- **GIVEN INFORMATION**
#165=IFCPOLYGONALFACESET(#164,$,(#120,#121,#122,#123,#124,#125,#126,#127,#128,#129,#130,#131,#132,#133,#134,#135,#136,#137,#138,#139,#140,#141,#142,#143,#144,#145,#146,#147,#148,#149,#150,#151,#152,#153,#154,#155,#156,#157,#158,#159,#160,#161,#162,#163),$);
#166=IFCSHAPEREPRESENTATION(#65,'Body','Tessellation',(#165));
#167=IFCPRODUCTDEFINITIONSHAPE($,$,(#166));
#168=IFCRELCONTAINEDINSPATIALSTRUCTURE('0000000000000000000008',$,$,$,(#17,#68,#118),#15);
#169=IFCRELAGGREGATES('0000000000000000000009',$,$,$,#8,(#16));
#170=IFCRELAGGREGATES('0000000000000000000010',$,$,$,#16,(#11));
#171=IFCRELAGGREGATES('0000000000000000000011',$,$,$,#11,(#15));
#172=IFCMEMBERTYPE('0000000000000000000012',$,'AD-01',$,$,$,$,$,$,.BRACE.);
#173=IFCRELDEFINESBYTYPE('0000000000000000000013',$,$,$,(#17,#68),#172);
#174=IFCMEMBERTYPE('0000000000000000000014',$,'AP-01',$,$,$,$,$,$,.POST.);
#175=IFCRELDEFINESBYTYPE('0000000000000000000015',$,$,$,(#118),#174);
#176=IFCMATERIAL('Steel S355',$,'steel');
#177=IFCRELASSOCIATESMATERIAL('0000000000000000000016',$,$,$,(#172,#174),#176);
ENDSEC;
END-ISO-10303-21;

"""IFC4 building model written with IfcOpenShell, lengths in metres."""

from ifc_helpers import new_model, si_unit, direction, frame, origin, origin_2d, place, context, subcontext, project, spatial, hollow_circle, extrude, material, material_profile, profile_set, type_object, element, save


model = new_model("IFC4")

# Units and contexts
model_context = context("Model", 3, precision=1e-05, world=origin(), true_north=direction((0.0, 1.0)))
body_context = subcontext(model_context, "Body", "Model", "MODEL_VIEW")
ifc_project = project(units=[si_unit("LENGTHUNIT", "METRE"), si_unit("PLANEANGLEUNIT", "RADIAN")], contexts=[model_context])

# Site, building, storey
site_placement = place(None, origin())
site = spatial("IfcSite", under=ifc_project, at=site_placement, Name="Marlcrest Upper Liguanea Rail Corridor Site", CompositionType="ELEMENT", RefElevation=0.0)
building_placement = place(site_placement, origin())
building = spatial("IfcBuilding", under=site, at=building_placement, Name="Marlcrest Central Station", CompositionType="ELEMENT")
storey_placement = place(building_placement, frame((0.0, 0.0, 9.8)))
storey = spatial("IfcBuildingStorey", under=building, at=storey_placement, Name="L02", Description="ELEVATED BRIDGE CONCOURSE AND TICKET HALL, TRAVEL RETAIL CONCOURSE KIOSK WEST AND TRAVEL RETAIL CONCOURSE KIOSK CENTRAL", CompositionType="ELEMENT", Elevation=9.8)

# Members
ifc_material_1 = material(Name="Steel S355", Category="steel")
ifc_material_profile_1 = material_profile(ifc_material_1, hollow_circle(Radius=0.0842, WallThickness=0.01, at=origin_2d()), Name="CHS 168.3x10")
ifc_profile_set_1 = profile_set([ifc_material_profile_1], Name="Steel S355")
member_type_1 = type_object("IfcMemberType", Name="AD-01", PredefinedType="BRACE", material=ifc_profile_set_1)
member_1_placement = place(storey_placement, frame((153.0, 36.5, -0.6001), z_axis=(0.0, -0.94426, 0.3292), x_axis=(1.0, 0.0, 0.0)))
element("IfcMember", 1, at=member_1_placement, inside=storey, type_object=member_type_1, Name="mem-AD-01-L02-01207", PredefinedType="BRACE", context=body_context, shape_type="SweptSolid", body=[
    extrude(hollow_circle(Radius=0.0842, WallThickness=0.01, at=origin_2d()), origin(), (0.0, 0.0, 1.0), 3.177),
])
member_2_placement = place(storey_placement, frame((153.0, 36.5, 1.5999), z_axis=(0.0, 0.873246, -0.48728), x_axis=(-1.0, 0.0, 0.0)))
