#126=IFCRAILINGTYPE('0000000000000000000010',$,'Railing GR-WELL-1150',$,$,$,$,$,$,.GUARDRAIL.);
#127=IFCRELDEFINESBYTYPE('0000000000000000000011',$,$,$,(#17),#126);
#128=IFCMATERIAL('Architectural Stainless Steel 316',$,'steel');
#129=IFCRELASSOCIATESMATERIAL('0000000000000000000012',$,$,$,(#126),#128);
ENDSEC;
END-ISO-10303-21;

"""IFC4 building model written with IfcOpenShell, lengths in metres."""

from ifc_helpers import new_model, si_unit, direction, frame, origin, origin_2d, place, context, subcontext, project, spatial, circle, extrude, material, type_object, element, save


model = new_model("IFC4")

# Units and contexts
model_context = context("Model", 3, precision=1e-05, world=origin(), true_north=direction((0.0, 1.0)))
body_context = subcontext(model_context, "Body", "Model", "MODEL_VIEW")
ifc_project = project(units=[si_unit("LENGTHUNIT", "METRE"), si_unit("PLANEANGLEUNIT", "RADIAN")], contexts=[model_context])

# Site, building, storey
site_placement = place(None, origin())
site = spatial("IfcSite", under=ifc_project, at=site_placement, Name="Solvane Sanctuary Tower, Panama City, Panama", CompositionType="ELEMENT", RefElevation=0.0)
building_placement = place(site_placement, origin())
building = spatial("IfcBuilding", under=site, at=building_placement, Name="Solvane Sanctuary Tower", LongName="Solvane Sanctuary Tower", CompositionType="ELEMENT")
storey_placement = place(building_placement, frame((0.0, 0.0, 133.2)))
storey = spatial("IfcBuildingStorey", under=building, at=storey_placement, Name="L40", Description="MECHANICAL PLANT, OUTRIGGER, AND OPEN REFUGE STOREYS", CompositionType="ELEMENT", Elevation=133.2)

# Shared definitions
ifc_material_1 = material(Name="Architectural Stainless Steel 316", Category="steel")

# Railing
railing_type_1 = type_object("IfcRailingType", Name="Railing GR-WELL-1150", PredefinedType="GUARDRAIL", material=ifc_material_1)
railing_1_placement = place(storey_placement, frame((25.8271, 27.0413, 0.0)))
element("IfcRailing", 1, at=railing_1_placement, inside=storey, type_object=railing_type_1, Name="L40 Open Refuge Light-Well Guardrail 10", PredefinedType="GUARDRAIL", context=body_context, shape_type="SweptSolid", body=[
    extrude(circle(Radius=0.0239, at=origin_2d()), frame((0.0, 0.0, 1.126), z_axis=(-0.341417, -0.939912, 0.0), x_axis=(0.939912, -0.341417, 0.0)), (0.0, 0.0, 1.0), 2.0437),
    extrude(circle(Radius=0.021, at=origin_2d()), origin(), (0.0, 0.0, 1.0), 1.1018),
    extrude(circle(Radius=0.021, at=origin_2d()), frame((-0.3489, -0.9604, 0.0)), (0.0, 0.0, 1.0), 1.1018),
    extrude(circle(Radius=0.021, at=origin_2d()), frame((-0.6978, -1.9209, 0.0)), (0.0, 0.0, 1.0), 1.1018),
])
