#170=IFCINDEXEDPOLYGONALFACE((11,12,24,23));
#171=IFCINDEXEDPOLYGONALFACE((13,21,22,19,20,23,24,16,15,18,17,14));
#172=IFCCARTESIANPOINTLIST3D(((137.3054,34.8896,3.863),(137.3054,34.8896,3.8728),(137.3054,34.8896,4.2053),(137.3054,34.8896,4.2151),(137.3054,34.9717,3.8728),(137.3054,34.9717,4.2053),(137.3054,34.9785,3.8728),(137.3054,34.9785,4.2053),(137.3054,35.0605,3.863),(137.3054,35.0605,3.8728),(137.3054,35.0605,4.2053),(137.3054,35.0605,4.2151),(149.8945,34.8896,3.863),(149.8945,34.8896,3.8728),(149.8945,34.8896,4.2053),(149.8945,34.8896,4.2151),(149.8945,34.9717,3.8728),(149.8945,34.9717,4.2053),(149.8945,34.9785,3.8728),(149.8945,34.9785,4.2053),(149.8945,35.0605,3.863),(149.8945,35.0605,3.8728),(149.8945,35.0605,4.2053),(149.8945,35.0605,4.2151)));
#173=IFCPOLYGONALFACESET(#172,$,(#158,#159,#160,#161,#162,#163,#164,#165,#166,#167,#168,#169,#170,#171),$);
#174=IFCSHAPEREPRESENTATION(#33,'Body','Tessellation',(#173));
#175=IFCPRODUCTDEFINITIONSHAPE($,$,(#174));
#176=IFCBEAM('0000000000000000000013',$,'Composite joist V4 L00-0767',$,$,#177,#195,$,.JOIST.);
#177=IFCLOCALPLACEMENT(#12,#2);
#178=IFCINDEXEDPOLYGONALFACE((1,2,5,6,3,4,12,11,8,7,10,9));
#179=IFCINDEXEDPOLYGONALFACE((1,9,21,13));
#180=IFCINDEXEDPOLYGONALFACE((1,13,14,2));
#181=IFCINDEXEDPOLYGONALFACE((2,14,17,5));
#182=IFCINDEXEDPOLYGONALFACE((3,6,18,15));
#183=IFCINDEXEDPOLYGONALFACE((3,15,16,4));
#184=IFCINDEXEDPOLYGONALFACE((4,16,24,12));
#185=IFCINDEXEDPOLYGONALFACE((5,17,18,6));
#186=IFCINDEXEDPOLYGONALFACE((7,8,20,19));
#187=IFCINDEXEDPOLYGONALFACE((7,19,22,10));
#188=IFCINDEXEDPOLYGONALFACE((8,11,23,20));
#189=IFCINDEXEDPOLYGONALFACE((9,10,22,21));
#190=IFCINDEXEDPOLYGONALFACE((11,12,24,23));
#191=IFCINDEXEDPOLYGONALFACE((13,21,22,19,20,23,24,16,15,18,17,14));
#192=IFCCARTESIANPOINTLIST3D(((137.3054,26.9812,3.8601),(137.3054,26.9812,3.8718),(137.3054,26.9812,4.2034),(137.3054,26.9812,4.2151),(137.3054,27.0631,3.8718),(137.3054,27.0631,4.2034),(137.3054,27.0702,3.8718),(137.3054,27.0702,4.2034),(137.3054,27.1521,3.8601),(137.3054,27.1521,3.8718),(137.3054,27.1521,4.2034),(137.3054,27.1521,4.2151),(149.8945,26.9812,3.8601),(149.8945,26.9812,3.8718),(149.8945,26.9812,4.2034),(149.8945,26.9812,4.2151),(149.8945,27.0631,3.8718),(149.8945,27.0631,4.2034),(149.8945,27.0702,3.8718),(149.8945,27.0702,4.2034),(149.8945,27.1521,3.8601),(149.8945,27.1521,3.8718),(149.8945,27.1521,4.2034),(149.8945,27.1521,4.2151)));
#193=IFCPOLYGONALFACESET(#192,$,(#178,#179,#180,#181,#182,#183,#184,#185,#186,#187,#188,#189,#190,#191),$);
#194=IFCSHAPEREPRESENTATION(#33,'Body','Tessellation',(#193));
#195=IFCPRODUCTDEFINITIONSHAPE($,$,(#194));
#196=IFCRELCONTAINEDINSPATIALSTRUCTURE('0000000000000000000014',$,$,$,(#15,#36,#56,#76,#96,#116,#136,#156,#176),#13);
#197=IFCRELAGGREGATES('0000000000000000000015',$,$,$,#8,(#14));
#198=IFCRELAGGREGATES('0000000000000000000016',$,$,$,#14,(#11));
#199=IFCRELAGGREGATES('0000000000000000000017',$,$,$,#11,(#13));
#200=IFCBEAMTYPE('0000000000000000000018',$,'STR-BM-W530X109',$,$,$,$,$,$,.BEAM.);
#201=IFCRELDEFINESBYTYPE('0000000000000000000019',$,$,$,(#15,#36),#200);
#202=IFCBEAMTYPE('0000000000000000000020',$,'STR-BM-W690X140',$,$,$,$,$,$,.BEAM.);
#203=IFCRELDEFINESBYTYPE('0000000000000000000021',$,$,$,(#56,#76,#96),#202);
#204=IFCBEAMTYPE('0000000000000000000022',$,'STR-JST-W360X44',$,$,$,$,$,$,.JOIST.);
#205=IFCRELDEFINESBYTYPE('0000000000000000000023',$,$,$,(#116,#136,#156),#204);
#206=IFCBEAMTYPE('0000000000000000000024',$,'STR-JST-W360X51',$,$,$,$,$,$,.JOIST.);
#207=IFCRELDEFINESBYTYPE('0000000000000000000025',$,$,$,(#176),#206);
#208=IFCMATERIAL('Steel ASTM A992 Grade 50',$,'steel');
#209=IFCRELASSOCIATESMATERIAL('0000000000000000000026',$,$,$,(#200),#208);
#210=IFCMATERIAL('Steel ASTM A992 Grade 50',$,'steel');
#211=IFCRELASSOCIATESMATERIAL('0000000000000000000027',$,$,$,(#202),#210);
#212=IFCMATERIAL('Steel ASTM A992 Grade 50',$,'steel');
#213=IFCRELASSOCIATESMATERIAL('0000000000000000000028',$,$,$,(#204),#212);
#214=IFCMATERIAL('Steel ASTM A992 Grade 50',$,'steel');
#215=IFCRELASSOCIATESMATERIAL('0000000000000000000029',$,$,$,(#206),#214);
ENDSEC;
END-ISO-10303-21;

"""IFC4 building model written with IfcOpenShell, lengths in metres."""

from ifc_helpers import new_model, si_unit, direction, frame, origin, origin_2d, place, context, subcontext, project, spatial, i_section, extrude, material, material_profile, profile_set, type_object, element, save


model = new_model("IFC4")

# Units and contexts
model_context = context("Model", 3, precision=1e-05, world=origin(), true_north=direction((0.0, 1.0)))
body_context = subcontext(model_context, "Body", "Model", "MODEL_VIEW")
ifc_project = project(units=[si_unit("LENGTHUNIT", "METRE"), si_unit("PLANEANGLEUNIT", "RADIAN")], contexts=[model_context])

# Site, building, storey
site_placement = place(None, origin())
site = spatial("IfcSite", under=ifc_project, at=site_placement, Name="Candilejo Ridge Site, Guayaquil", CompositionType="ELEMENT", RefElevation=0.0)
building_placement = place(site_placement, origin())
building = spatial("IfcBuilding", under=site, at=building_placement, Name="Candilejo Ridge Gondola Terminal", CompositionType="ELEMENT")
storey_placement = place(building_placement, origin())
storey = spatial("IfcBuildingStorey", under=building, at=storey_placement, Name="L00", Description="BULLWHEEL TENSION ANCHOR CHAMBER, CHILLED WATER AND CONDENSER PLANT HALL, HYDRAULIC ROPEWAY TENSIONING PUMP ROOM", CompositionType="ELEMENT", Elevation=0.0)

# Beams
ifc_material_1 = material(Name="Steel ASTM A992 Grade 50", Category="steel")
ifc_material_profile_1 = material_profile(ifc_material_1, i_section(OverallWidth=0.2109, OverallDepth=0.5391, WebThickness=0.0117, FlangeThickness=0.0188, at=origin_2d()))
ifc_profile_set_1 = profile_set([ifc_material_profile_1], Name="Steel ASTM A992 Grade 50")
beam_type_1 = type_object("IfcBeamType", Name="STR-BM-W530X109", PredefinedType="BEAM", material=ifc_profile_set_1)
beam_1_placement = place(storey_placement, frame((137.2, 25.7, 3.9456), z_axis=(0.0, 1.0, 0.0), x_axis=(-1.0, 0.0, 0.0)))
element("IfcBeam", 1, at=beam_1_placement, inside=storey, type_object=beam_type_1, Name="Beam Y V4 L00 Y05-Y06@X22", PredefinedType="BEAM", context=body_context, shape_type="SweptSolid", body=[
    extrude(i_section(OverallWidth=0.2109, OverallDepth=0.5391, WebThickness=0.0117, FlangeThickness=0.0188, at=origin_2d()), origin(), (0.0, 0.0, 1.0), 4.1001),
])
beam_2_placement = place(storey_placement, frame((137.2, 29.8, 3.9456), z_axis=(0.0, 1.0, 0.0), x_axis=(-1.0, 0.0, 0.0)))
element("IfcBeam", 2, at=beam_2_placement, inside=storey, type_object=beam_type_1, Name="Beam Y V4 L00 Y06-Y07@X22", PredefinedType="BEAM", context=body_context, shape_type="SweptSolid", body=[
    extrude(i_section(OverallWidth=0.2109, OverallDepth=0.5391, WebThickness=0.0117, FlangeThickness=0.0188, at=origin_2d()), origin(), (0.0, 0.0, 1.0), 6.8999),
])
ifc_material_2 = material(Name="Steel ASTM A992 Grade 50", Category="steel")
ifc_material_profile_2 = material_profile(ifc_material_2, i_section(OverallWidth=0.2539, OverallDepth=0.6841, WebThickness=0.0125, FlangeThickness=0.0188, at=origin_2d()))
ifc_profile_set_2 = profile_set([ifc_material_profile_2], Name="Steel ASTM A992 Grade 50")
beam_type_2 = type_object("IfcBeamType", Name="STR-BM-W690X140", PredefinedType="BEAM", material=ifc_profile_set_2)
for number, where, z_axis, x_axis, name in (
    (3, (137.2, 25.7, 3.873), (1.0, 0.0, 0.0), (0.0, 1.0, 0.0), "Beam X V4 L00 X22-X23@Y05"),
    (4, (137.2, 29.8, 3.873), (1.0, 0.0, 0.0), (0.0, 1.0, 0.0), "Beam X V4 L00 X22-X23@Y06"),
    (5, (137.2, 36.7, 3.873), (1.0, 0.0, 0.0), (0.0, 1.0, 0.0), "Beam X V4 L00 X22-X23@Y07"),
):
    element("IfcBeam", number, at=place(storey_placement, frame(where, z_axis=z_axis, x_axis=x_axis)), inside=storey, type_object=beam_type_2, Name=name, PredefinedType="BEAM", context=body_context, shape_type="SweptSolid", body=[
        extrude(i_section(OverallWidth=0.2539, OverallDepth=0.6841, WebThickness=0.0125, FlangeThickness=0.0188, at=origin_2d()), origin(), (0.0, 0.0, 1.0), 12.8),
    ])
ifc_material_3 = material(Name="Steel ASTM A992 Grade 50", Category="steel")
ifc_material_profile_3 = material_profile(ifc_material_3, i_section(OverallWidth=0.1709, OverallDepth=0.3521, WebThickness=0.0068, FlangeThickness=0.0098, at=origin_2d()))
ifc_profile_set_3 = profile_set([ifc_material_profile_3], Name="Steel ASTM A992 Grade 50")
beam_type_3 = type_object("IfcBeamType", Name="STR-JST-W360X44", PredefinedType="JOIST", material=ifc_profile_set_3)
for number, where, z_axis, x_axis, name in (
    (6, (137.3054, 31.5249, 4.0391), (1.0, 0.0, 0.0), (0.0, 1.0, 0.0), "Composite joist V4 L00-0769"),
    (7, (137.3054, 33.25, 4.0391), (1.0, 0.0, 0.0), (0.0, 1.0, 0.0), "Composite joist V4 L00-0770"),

- **REQUIRED ACTION**
Copy task for the entries above: every line with the string "HALL".

- **COMPLETED EXERCISE**
storey = spatial("IfcBuildingStorey", under=building, at=storey_placement, Name="L02", Description="ELEVATED BRIDGE CONCOURSE AND TICKET HALL, TRAVEL RETAIL CONCOURSE KIOSK WEST AND TRAVEL RETAIL CONCOURSE KIOSK CENTRAL", CompositionType="ELEMENT", Elevation=9.8)
storey = spatial("IfcBuildingStorey", under=building, at=storey_placement, Name="L00", Description="BULLWHEEL TENSION ANCHOR CHAMBER, CHILLED WATER AND CONDENSER PLANT HALL, HYDRAULIC ROPEWAY TENSIONING PUMP ROOM", CompositionType="ELEMENT", Elevation=0.0)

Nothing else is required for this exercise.